[Stored items]
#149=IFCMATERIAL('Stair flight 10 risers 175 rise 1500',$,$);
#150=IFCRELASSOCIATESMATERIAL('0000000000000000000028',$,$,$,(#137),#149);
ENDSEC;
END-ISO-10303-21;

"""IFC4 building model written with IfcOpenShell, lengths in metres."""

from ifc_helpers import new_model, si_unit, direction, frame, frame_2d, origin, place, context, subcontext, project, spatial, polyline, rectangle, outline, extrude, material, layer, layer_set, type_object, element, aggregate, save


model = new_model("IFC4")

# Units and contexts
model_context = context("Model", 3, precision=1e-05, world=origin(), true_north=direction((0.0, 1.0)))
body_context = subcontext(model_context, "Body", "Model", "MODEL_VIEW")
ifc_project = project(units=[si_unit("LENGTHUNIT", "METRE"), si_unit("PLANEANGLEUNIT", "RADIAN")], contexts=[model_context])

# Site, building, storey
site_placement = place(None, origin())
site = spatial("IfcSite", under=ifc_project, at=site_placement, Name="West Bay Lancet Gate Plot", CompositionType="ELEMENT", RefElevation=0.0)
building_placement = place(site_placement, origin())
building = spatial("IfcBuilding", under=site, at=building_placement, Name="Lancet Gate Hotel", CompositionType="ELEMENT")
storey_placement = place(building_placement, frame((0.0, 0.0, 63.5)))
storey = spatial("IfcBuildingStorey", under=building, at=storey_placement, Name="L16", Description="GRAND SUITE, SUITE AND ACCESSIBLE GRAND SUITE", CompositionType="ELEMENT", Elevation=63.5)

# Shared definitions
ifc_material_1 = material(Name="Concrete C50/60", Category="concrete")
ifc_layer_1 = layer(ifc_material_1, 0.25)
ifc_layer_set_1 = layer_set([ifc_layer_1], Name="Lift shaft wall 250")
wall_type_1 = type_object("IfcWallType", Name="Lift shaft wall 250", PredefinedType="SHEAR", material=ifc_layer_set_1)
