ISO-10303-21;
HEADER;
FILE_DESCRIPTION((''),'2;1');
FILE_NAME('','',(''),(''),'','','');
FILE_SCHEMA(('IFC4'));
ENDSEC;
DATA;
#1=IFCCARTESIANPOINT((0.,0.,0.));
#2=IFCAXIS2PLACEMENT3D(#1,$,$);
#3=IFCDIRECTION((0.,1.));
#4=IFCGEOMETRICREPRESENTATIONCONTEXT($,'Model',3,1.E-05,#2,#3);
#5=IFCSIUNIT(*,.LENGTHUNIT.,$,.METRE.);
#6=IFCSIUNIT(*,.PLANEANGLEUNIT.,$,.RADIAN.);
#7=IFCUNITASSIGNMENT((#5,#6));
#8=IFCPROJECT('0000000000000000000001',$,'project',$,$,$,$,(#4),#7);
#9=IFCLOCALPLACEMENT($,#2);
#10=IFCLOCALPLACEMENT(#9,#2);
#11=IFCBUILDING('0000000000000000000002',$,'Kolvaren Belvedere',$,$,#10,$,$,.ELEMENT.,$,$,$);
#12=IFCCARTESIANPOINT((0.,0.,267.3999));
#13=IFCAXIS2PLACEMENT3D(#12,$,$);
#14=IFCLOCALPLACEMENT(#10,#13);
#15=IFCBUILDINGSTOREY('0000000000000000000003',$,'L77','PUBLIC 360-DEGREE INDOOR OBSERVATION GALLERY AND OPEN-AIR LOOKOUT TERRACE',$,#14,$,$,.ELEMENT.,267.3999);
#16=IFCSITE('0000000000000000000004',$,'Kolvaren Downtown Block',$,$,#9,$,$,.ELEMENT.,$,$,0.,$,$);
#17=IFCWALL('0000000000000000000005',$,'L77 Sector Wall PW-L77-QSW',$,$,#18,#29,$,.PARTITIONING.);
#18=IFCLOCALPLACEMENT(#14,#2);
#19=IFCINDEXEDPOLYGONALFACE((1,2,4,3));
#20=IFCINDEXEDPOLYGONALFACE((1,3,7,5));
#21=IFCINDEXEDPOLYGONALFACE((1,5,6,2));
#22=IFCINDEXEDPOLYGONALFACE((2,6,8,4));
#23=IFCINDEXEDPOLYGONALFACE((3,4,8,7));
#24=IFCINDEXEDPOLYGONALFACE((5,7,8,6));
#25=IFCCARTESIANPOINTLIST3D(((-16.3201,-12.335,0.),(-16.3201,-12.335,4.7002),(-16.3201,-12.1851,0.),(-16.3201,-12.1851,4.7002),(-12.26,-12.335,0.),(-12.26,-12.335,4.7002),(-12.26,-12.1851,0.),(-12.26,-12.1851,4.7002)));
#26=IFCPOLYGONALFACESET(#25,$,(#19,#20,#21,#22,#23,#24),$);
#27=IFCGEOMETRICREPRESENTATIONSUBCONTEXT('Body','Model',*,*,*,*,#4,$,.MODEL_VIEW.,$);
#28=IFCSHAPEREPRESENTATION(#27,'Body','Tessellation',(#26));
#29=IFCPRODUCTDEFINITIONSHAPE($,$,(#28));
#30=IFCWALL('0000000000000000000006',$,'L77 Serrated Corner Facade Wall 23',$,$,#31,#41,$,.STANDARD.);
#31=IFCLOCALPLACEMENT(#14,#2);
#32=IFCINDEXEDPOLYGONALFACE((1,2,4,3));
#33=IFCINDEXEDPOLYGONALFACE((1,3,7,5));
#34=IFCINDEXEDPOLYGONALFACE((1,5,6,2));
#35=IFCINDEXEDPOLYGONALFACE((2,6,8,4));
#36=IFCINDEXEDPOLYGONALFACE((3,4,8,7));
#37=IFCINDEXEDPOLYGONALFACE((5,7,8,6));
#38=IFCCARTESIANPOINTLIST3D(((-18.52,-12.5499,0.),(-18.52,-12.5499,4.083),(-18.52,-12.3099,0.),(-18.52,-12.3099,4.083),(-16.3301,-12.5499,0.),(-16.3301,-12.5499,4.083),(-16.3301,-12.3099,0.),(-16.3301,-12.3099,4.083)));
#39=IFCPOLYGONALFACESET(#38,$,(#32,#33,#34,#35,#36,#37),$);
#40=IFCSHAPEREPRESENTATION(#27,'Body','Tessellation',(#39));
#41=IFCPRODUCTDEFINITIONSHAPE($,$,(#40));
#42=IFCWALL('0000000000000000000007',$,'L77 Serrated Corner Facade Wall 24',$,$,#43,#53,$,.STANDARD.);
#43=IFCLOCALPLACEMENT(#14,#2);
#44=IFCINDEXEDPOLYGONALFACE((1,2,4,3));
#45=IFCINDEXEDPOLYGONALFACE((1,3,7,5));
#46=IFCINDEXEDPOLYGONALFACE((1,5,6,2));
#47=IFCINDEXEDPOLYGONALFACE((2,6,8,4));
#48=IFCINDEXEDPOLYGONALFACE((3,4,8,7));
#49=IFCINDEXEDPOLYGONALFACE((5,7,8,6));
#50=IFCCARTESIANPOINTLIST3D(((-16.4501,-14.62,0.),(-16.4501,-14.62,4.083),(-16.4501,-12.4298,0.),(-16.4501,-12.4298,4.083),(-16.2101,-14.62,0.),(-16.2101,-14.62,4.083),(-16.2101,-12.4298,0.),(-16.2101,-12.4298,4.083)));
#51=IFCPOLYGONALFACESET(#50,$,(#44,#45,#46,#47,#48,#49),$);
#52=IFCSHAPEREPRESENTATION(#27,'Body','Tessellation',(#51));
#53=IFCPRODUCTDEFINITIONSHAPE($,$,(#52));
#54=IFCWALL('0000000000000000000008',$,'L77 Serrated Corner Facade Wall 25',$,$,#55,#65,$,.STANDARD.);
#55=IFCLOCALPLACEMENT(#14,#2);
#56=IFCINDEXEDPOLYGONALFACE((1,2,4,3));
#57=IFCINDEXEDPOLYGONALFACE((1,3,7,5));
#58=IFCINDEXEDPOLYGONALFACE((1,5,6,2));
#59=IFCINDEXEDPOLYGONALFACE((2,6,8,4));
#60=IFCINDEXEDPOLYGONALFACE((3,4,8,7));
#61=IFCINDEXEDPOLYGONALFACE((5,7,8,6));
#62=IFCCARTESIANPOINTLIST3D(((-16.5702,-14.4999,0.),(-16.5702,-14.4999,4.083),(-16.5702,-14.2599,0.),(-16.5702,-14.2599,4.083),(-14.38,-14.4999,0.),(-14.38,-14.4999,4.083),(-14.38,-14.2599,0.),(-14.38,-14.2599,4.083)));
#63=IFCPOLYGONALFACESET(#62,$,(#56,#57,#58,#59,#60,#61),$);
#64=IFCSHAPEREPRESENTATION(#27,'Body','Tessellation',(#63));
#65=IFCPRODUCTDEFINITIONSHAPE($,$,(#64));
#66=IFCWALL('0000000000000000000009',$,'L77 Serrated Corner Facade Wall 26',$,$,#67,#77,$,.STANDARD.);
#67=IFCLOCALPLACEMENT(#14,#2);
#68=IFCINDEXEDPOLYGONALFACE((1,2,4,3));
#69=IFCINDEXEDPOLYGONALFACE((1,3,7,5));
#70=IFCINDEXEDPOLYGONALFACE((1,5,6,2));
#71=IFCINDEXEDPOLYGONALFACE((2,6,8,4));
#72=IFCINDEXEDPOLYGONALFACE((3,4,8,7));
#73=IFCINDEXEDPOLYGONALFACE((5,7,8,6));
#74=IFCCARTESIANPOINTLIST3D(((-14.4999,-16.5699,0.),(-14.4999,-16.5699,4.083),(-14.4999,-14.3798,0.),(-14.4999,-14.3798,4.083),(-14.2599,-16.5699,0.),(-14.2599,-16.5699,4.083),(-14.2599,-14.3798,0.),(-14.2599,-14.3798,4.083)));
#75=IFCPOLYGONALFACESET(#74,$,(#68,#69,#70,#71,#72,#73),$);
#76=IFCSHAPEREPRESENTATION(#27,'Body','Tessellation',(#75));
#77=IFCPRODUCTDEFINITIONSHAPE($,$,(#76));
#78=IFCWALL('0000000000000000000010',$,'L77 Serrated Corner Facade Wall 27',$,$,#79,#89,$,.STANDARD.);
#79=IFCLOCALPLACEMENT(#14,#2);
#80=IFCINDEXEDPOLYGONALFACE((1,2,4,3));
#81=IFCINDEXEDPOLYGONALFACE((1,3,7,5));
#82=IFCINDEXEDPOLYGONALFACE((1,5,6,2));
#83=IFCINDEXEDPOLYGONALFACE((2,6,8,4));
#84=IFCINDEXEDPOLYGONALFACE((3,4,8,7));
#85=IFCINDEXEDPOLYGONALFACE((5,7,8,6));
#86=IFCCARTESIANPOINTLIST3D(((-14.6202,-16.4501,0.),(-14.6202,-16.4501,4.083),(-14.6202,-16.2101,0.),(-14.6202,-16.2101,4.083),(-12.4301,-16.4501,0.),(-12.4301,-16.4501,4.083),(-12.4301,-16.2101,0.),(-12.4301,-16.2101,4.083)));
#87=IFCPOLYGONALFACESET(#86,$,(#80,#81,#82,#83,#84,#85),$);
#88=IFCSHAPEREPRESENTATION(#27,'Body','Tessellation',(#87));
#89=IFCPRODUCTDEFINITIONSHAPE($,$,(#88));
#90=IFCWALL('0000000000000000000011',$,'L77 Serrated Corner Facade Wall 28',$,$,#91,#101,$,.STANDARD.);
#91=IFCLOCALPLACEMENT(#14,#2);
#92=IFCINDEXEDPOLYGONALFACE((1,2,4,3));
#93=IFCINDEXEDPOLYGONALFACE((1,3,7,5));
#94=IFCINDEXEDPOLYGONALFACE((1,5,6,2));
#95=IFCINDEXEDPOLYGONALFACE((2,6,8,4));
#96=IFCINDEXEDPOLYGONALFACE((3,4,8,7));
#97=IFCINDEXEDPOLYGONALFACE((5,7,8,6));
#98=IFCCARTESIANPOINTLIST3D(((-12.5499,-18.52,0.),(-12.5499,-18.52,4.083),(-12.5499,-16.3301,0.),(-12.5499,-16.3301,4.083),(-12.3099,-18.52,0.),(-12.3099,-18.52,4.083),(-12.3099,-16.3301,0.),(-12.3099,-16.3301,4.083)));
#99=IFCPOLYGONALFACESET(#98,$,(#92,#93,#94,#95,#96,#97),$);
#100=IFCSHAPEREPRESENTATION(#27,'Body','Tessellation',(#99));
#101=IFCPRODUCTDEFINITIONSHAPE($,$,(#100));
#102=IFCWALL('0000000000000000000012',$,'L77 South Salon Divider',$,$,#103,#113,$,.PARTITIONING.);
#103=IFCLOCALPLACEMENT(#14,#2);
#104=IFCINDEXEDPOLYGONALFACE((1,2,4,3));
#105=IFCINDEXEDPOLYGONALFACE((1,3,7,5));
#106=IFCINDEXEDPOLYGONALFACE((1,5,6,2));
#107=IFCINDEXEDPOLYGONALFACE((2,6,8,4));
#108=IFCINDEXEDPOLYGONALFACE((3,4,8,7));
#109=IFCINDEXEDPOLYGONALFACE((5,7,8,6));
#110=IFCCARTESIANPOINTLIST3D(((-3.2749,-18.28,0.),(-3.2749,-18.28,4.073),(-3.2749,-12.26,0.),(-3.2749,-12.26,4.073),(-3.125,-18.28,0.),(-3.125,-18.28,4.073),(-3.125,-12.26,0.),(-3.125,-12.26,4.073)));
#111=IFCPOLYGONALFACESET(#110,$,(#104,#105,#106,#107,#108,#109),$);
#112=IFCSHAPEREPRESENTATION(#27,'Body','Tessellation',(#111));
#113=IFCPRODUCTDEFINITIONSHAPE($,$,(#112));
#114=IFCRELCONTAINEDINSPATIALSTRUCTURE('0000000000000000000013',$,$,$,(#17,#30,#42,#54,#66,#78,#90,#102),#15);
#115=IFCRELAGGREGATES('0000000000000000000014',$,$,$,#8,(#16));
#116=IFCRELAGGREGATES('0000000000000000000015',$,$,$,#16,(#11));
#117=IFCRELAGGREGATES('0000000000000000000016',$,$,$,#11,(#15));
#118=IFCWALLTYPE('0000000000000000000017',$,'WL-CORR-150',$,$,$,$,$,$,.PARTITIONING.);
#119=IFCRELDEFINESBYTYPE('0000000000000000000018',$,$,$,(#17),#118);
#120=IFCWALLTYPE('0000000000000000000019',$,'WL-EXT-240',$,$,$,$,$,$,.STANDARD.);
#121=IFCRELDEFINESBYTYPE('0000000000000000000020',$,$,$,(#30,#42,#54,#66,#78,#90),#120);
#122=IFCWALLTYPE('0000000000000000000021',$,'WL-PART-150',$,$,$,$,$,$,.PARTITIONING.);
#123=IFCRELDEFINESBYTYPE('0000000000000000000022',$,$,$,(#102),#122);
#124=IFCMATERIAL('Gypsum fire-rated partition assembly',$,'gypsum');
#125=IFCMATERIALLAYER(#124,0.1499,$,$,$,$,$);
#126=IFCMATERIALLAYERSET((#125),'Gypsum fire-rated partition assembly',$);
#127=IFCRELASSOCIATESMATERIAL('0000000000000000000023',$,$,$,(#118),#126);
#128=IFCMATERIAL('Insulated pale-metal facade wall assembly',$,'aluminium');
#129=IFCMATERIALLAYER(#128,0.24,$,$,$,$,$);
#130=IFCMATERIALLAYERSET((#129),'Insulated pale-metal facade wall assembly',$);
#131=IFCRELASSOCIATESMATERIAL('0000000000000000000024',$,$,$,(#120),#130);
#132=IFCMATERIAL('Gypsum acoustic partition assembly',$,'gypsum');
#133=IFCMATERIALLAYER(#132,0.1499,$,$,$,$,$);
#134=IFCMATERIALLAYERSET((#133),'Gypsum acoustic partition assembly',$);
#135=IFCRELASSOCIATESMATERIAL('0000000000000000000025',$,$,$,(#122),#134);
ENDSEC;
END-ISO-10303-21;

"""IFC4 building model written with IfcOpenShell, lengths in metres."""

from ifc_helpers import new_model, si_unit, direction, frame, frame_2d, origin, place, context, subcontext, project, spatial, rectangle, extrude, material, layer, layer_set, type_object, element, save


model = new_model("IFC4")

# Units and contexts
model_context = context("Model", 3, precision=1e-05, world=origin(), true_north=direction((0.0, 1.0)))
body_context = subcontext(model_context, "Body", "Model", "MODEL_VIEW")
ifc_project = project(units=[si_unit("LENGTHUNIT", "METRE"), si_unit("PLANEANGLEUNIT", "RADIAN")], contexts=[model_context])

# Site, building, storey
site_placement = place(None, origin())
site = spatial("IfcSite", under=ifc_project, at=site_placement, Name="Kolvaren Downtown Block", CompositionType="ELEMENT", RefElevation=0.0)
building_placement = place(site_placement, origin())
building = spatial("IfcBuilding", under=site, at=building_placement, Name="Kolvaren Belvedere", CompositionType="ELEMENT")
storey_placement = place(building_placement, frame((0.0, 0.0, 267.3999)))
storey = spatial("IfcBuildingStorey", under=building, at=storey_placement, Name="L77", Description="PUBLIC 360-DEGREE INDOOR OBSERVATION GALLERY AND OPEN-AIR LOOKOUT TERRACE", CompositionType="ELEMENT", Elevation=267.3999)

# Shared definitions
ifc_material_1 = material(Name="Gypsum fire-rated partition assembly", Category="gypsum")
ifc_layer_1 = layer(ifc_material_1, 0.1499)
ifc_layer_set_1 = layer_set([ifc_layer_1], Name="Gypsum fire-rated partition assembly")
wall_type_1 = type_object("IfcWallType", Name="WL-CORR-150", PredefinedType="PARTITIONING", material=ifc_layer_set_1)

# Walls
wall_1_placement = place(storey_placement, frame((-16.3201, -12.26, 0.0), z_axis=(0.0, 0.0, 1.0), x_axis=(1.0, 0.0, 0.0)))
element("IfcWall", 1, at=wall_1_placement, inside=storey, type_object=wall_type_1, Name="L77 Sector Wall PW-L77-QSW", PredefinedType="PARTITIONING", context=body_context, shape_type="SweptSolid", body=[
    extrude(rectangle(XDim=4.0601, YDim=0.1499, at=frame_2d((2.03, 0.0))), origin(), (0.0, 0.0, 1.0), 4.7002),
])
ifc_material_2 = material(Name="Insulated pale-metal facade wall assembly", Category="aluminium")
ifc_layer_2 = layer(ifc_material_2, 0.24)
ifc_layer_set_2 = layer_set([ifc_layer_2], Name="Insulated pale-metal facade wall assembly")
wall_type_2 = type_object("IfcWallType", Name="WL-EXT-240", PredefinedType="STANDARD", material=ifc_layer_set_2)
wall_2_placement = place(storey_placement, frame((-16.3301, -12.4299, 0.0), z_axis=(0.0, 0.0, 1.0), x_axis=(-1.0, 0.0, 0.0)))
element("IfcWall", 2, at=wall_2_placement, inside=storey, type_object=wall_type_2, Name="L77 Serrated Corner Facade Wall 23", PredefinedType="STANDARD", context=body_context, shape_type="SweptSolid", body=[
    extrude(rectangle(XDim=2.1899, YDim=0.24, at=frame_2d((1.095, 0.0))), origin(), (0.0, 0.0, 1.0), 4.083),
])
for number, where, z_axis, x_axis, name in (
    (3, (-16.3301, -14.6201, 0.0), (0.0, 0.0, 1.0), (0.0, 1.0, 0.0), "L77 Serrated Corner Facade Wall 24"),
    (4, (-14.3799, -14.3799, 0.0), (0.0, 0.0, 1.0), (-1.0, 0.0, 0.0), "L77 Serrated Corner Facade Wall 25"),
    (5, (-14.3799, -16.5701, 0.0), (0.0, 0.0, 1.0), (0.0, 1.0, 0.0), "L77 Serrated Corner Facade Wall 26"),
    (6, (-12.4299, -16.3301, 0.0), (0.0, 0.0, 1.0), (-1.0, 0.0, 0.0), "L77 Serrated Corner Facade Wall 27"),
):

--- HOW TO COMPLETE THIS TASK ---
Count up the lines above in which the word "IFCSHAPEREPRESENTATION" appears, and give nothing but that count.

--- RESULT OF THE TASK ---
8